▶ Directions
Give back the entries exactly, ending with the "#32=IFCINDEXEDPOLYGONALFACE((1,2,4,3));" line.

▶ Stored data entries

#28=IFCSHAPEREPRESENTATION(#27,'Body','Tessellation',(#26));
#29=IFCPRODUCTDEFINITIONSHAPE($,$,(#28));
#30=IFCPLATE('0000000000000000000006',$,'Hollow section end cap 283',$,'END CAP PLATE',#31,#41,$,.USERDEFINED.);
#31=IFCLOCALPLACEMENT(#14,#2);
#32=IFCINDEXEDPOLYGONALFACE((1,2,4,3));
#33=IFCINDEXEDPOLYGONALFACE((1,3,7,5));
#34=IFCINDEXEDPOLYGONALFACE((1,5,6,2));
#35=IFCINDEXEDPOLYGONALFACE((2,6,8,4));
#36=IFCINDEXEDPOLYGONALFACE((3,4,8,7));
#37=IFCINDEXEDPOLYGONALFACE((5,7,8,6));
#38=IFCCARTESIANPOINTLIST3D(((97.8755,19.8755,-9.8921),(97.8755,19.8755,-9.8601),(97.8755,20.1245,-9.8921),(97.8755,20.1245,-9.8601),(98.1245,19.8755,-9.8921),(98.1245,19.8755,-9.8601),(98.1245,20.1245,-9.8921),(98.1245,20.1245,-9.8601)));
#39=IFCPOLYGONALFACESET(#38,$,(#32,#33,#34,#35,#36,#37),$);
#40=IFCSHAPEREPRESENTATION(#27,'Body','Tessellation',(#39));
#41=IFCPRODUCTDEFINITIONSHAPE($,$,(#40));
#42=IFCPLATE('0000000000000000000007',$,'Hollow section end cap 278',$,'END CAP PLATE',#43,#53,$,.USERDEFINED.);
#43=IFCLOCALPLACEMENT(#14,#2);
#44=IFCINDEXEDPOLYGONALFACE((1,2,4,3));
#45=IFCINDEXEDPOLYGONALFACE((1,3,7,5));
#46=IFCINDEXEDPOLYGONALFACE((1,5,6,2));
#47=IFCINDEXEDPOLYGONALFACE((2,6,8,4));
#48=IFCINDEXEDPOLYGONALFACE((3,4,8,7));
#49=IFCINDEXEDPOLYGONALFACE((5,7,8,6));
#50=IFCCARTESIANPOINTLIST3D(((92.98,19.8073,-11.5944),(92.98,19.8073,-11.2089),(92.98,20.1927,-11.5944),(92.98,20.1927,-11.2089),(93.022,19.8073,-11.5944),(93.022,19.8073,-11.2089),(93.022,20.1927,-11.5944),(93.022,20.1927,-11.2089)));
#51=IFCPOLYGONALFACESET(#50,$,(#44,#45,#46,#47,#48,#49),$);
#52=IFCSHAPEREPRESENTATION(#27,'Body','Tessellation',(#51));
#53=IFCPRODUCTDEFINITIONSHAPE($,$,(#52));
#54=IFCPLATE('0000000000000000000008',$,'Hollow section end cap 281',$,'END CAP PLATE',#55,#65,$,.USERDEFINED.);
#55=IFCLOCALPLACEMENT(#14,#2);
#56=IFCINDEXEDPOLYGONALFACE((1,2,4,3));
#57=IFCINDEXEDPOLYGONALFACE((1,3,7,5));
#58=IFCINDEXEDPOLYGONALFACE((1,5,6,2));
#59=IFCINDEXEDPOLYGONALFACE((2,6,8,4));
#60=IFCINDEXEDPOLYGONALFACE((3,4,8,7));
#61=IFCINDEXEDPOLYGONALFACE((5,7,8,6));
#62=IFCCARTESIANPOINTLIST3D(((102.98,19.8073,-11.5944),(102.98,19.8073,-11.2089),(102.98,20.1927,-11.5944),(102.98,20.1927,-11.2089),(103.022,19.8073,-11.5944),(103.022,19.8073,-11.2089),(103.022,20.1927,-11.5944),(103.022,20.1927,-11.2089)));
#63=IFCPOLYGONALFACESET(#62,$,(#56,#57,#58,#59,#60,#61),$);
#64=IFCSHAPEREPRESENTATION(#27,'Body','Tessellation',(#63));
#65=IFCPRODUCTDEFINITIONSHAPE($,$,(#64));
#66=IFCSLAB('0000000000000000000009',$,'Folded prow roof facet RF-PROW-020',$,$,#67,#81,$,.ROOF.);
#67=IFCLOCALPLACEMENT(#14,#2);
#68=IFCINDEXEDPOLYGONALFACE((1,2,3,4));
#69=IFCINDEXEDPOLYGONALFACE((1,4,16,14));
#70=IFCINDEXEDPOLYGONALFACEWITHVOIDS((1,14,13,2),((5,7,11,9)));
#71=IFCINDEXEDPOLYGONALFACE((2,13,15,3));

▶ Solution to this problem
#28=IFCSHAPEREPRESENTATION(#27,'Body','Tessellation',(#26));
#29=IFCPRODUCTDEFINITIONSHAPE($,$,(#28));
#30=IFCPLATE('0000000000000000000006',$,'Hollow section end cap 283',$,'END CAP PLATE',#31,#41,$,.USERDEFINED.);
#31=IFCLOCALPLACEMENT(#14,#2);
#32=IFCINDEXEDPOLYGONALFACE((1,2,4,3));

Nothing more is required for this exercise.